Entries shown>

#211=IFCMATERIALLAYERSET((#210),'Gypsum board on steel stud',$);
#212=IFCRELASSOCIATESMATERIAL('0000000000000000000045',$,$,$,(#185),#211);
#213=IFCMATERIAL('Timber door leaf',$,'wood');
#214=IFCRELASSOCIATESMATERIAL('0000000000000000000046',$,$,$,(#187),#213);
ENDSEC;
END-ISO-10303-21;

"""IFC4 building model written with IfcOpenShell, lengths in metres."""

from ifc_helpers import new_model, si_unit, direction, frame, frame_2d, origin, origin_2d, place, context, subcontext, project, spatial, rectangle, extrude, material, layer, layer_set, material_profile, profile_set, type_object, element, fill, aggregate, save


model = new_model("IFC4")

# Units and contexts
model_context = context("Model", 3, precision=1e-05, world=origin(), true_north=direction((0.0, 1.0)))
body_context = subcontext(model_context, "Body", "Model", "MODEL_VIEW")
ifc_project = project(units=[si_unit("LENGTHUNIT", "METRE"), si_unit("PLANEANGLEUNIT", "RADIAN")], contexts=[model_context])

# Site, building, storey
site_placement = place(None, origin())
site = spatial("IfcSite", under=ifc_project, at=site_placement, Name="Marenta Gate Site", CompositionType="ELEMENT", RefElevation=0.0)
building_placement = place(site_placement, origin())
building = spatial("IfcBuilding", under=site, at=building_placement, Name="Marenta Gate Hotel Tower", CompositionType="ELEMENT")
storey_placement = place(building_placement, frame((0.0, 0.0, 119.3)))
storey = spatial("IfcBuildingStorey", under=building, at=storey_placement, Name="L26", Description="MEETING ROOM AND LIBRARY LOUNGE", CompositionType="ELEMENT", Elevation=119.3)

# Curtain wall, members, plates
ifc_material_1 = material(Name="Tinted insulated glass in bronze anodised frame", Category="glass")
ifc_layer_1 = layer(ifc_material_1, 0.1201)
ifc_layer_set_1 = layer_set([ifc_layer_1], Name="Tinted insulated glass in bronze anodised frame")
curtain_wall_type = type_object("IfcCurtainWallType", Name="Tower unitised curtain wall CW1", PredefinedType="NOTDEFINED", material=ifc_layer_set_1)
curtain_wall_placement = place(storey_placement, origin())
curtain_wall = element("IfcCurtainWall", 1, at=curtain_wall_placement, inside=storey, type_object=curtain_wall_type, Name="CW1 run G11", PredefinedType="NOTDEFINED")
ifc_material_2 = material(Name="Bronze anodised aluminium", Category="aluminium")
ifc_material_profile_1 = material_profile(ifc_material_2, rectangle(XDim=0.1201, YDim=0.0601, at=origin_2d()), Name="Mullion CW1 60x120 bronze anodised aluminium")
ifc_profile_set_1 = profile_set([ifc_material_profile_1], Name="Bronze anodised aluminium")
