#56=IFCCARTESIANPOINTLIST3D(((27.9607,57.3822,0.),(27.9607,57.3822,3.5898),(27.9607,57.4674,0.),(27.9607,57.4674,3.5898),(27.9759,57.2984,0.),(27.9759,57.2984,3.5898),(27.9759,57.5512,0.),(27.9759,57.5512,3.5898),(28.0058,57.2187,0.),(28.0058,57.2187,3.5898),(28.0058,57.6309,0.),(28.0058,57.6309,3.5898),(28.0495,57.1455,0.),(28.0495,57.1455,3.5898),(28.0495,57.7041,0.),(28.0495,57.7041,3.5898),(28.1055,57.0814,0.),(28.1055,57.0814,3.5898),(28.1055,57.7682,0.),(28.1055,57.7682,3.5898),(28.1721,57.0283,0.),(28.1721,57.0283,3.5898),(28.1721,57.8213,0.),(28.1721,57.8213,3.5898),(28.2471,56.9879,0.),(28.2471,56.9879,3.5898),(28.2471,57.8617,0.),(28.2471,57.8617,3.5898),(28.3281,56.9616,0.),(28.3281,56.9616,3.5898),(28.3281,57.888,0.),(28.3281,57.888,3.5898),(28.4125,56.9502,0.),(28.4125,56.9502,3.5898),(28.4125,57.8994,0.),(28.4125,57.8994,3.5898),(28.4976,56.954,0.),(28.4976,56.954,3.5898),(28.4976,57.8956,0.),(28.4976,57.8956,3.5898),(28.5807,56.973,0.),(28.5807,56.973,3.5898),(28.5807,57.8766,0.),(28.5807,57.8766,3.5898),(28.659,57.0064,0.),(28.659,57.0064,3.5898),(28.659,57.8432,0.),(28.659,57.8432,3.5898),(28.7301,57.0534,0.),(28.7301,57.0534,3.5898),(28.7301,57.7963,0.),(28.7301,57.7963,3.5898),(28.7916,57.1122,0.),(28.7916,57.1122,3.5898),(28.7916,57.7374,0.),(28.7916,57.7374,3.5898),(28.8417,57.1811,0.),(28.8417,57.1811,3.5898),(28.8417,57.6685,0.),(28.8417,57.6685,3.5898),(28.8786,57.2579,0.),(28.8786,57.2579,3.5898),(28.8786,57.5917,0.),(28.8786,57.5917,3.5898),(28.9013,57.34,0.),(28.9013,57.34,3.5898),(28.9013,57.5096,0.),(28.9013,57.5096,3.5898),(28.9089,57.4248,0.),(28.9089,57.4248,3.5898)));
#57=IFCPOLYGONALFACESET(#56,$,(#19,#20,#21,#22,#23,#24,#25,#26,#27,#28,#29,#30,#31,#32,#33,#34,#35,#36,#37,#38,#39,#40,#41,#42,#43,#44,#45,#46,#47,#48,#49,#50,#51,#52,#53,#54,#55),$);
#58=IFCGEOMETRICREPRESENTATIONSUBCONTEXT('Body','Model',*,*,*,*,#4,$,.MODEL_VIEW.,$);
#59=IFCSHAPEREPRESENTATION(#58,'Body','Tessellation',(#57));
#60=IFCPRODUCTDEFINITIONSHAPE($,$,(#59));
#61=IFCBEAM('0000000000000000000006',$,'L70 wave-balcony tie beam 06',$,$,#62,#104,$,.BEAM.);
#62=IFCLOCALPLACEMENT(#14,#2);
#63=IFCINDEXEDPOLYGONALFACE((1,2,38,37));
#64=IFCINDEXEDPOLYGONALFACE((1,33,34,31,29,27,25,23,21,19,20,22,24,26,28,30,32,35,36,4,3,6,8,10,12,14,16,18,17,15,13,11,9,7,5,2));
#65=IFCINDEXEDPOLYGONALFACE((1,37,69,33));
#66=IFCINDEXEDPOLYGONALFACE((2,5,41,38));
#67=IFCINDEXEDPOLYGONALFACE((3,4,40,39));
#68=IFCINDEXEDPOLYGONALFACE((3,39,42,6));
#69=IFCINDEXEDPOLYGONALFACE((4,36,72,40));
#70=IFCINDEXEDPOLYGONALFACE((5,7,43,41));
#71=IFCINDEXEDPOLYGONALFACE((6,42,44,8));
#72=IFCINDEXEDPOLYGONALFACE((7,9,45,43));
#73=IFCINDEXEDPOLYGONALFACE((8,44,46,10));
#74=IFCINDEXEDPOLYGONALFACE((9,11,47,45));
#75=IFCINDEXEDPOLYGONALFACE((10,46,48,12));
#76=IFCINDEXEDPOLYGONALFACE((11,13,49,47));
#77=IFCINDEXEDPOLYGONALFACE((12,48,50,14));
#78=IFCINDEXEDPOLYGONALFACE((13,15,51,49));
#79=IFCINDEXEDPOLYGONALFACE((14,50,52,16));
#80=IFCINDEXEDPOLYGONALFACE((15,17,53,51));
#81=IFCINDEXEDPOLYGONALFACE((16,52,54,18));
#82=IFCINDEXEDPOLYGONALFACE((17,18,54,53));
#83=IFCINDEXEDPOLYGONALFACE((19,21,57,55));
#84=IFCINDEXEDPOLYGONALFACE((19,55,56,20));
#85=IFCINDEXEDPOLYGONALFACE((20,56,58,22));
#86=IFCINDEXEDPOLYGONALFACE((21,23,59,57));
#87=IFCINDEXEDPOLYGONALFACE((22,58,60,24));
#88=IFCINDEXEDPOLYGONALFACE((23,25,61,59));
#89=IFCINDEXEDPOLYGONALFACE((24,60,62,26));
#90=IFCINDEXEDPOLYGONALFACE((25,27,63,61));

What is being asked> Respond with only the number of lines above that include the string "IFCRELASSOCIATESMATERIAL".

Answer> 2